Data extracted from a collection:
== Segment start ==
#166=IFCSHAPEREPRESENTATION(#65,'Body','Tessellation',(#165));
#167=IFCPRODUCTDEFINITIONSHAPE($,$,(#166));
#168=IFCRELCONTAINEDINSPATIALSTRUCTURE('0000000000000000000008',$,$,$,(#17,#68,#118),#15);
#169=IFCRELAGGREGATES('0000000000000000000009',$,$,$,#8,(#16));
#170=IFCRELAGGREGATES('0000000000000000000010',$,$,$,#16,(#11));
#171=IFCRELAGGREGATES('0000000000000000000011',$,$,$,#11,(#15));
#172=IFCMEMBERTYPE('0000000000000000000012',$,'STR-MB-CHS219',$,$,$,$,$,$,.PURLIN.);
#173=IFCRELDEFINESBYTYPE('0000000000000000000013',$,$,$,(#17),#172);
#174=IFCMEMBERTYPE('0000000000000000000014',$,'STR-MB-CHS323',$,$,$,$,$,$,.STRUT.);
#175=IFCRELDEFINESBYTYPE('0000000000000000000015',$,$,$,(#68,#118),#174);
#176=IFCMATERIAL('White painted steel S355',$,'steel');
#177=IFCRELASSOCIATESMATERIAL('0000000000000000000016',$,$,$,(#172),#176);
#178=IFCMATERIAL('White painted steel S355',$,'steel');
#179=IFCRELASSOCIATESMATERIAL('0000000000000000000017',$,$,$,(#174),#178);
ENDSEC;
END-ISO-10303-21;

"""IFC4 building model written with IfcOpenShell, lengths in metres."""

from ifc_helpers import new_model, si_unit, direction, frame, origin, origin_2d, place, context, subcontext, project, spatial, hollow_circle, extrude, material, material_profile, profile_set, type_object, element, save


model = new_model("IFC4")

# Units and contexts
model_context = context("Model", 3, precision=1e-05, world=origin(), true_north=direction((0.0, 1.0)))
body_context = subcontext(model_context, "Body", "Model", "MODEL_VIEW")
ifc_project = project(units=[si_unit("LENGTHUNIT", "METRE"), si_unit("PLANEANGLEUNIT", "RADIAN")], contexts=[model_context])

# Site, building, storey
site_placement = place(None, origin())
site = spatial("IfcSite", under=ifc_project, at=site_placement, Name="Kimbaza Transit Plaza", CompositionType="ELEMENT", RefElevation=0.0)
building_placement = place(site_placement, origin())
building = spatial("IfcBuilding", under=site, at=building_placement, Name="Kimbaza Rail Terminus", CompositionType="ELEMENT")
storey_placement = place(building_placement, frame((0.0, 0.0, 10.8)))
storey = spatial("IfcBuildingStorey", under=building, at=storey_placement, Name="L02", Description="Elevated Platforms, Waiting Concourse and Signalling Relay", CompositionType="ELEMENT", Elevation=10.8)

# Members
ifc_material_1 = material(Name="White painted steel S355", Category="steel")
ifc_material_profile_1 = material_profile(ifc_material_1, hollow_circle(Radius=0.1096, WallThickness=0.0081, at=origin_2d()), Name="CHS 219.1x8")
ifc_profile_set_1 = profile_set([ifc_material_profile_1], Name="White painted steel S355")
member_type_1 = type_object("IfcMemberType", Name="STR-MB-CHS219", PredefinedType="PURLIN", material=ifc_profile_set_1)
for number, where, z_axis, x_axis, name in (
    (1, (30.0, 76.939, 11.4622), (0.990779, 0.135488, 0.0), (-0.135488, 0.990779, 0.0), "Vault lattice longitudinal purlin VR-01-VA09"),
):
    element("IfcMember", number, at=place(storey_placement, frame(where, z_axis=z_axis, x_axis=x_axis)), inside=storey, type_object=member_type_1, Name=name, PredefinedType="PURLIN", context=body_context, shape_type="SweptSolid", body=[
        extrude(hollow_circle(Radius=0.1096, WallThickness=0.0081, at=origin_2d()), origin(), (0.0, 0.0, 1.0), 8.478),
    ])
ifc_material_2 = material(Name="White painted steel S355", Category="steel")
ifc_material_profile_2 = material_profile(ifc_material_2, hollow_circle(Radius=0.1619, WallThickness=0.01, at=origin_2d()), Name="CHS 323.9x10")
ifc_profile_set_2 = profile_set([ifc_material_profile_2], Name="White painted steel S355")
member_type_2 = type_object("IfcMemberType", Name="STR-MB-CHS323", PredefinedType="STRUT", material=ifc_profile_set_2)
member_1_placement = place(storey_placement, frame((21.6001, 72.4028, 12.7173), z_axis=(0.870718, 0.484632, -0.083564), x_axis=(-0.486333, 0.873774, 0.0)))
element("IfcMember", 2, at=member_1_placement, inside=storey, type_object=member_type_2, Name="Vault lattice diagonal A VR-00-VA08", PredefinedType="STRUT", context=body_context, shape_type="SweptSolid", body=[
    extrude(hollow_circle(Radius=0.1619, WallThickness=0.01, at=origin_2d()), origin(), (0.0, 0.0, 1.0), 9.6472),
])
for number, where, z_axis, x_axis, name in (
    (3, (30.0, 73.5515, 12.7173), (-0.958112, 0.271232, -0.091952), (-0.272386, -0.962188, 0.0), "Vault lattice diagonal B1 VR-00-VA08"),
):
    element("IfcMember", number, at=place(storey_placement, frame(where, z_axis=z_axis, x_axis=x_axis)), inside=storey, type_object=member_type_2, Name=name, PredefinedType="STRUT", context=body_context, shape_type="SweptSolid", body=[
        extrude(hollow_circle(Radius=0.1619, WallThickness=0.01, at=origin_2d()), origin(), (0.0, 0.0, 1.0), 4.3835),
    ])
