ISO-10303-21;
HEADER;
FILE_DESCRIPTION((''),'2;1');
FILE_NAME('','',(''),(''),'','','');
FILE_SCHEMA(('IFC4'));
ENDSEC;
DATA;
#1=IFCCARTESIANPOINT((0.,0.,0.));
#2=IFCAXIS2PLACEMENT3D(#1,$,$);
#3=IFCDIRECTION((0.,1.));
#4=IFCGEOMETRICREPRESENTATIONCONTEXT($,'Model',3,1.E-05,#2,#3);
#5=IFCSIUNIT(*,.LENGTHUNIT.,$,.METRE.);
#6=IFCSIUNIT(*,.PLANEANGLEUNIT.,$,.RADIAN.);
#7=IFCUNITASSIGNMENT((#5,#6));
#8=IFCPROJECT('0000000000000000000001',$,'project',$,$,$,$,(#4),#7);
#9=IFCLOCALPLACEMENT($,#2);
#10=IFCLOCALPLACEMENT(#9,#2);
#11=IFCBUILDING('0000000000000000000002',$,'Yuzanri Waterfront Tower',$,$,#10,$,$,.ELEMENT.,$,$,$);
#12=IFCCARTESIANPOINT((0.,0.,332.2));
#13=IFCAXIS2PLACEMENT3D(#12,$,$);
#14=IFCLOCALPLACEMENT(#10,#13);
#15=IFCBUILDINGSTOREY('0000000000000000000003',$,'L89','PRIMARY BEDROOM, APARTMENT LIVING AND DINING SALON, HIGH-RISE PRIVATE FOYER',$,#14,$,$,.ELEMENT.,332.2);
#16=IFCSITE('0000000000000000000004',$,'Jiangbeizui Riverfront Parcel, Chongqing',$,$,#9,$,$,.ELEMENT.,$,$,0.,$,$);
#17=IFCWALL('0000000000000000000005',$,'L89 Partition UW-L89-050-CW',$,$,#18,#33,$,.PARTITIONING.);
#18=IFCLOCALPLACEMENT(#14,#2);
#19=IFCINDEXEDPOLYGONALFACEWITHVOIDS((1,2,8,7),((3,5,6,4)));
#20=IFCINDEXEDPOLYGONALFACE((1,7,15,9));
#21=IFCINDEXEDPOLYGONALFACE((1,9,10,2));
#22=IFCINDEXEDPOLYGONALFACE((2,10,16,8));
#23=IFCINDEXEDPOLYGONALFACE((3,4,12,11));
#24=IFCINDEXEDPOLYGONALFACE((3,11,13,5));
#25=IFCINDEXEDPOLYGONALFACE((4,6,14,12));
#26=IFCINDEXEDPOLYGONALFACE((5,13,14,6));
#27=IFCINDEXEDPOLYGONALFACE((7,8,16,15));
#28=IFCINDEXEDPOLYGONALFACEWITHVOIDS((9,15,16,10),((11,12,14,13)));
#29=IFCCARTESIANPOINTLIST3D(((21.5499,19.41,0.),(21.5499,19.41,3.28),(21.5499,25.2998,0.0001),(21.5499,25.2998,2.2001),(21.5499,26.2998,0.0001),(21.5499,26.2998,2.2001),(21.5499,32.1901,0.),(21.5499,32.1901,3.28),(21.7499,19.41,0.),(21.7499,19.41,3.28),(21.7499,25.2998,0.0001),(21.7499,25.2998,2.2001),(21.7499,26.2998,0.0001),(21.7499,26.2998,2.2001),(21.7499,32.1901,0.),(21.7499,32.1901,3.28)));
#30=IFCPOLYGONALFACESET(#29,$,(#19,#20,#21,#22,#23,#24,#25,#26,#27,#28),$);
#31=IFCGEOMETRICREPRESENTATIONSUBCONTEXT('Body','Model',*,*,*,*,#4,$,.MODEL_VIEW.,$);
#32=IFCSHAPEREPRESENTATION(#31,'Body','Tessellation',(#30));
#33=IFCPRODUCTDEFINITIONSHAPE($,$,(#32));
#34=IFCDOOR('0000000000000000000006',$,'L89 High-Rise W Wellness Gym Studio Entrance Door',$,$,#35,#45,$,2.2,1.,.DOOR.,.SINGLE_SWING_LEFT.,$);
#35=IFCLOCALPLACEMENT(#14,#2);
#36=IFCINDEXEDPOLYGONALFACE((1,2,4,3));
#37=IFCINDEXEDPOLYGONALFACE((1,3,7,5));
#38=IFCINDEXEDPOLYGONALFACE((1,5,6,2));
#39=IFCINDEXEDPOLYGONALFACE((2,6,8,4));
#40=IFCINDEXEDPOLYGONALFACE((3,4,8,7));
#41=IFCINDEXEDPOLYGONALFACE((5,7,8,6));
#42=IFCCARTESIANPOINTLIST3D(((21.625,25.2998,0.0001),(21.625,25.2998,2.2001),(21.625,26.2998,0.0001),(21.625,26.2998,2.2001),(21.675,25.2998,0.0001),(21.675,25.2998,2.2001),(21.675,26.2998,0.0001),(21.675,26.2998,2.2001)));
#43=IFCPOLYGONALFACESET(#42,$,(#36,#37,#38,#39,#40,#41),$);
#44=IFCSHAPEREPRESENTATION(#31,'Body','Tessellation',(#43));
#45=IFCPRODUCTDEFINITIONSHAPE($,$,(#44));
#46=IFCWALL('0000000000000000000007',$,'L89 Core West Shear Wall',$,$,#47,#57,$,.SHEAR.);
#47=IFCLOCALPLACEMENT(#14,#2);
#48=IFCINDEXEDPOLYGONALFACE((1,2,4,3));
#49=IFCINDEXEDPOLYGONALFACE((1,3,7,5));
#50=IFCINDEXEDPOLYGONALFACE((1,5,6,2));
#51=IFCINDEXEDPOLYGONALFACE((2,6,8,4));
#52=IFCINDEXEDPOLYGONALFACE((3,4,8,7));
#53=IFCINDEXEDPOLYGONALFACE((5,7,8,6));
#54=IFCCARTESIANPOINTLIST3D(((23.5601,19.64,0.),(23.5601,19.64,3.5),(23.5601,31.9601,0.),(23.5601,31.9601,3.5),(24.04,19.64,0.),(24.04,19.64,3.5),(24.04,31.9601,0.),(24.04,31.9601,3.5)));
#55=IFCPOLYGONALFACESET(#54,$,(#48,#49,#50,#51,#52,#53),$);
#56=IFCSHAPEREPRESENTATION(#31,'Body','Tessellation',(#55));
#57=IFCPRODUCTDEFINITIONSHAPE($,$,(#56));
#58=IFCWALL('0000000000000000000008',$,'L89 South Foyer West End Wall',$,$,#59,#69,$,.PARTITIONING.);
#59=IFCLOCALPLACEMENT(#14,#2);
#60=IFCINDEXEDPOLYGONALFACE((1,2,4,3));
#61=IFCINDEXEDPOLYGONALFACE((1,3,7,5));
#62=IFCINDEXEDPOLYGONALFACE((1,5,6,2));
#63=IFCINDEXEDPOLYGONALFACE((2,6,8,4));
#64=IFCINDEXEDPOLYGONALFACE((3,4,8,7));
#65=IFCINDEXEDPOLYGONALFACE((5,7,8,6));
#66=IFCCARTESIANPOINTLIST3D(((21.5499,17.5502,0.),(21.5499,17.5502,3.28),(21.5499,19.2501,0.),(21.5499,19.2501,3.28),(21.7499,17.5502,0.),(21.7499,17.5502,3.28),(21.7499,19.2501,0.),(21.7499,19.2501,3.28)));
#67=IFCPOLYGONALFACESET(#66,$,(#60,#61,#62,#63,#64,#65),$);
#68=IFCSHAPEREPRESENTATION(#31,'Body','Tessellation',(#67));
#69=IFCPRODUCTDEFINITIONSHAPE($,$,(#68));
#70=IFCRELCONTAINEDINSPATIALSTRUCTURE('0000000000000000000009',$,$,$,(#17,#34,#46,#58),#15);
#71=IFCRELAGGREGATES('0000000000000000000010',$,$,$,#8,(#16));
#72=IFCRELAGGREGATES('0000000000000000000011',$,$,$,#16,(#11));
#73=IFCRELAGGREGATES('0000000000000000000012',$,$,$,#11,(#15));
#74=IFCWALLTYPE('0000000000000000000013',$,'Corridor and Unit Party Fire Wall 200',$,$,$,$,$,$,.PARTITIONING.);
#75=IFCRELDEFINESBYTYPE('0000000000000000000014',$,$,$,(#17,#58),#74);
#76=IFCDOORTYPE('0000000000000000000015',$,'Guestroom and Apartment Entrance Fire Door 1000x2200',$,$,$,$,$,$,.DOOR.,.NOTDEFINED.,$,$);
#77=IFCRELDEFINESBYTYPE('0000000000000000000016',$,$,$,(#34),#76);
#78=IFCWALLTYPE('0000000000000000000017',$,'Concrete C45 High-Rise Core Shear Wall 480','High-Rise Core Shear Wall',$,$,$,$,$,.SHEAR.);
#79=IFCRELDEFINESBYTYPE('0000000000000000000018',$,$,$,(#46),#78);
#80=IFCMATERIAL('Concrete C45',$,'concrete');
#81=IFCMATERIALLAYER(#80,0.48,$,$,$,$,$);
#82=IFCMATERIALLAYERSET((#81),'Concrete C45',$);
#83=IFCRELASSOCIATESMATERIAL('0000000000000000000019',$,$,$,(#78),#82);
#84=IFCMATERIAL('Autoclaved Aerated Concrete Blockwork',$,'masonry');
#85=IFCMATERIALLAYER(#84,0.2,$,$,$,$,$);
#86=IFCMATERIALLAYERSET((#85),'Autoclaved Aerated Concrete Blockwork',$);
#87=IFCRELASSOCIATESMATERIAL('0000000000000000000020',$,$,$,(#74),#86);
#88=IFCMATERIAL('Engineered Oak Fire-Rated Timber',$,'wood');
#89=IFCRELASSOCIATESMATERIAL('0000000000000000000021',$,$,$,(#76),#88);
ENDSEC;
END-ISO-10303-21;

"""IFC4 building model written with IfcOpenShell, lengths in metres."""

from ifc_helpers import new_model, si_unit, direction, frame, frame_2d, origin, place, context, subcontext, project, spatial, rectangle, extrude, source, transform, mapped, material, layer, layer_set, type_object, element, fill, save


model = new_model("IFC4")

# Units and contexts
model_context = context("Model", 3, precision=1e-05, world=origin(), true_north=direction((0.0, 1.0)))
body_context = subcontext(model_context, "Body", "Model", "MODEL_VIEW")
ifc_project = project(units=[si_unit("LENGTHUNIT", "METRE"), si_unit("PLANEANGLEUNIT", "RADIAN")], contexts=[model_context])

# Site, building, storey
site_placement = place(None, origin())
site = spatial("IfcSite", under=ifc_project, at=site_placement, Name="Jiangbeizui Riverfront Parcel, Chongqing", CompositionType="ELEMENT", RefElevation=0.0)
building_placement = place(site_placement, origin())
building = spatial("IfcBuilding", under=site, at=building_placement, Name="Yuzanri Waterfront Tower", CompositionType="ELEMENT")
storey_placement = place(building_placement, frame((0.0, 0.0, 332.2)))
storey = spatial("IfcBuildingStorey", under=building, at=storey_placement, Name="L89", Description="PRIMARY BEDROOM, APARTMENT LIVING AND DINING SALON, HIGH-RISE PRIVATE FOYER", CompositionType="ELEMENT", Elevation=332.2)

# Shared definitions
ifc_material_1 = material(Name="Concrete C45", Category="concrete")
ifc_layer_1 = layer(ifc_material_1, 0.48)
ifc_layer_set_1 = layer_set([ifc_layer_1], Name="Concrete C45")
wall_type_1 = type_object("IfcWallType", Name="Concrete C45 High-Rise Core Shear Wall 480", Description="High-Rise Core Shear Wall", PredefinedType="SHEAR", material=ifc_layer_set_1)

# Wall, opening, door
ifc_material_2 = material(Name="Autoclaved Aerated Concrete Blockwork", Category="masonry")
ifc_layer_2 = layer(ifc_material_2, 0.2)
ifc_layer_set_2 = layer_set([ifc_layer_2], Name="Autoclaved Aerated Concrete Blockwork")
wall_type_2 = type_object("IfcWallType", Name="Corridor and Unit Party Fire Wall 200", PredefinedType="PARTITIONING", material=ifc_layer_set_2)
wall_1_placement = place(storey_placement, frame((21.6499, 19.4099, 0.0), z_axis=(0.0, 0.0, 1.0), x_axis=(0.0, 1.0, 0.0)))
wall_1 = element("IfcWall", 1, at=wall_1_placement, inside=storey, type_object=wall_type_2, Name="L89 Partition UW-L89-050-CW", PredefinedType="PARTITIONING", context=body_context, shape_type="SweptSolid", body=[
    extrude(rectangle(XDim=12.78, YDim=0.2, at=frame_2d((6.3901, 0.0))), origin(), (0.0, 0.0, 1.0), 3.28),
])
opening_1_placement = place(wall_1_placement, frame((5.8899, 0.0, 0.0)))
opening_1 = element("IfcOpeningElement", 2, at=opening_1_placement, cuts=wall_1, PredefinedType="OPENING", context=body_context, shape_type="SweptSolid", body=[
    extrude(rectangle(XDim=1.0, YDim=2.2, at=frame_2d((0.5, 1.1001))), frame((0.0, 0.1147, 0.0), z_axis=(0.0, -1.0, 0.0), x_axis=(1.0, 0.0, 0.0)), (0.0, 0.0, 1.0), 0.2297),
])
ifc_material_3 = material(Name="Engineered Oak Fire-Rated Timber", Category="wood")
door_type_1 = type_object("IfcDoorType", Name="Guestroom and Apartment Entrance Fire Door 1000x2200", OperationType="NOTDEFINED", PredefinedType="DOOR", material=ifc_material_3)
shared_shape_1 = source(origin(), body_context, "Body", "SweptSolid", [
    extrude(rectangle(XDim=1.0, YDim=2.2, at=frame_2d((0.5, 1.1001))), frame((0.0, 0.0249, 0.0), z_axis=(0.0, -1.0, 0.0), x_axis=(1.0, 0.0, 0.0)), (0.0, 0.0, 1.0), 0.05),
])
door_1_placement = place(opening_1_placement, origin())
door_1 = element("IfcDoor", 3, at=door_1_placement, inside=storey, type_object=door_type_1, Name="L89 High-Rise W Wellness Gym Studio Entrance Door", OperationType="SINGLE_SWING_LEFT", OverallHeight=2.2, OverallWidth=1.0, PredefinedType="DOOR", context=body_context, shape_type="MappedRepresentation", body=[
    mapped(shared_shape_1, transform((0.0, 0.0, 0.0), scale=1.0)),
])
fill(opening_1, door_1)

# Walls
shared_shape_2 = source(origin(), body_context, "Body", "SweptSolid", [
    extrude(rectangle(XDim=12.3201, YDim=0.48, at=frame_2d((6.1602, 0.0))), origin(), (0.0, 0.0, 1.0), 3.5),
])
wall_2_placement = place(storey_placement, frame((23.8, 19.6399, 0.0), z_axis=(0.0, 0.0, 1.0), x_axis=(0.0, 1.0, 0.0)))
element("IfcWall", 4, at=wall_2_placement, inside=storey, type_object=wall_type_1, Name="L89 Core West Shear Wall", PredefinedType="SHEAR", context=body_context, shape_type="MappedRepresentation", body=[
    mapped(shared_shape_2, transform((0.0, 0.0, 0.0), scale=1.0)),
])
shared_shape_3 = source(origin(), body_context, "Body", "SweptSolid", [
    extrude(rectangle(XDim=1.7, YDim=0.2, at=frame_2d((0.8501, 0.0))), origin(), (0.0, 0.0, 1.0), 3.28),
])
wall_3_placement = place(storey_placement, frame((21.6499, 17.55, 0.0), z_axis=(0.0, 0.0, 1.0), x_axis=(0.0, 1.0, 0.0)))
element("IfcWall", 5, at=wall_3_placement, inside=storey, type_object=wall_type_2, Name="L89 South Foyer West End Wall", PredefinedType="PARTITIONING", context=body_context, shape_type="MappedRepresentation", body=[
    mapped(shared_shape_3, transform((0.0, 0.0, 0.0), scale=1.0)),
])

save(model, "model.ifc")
== Segment end ==
* _PROBLEM TO SOLVE_:
When you reach the line that contains "#170=IFCRELAGGREGATES('0000000000000000000010',$,$,$,#16,(#11));", stop; that line and every line before it, from the very first line of the data, should be restated word for word.

* _ANSWER FOR THIS EXERCISE_:
#166=IFCSHAPEREPRESENTATION(#65,'Body','Tessellation',(#165));
#167=IFCPRODUCTDEFINITIONSHAPE($,$,(#166));
#168=IFCRELCONTAINEDINSPATIALSTRUCTURE('0000000000000000000008',$,$,$,(#17,#68,#118),#15);
#169=IFCRELAGGREGATES('0000000000000000000009',$,$,$,#8,(#16));
#170=IFCRELAGGREGATES('0000000000000000000010',$,$,$,#16,(#11));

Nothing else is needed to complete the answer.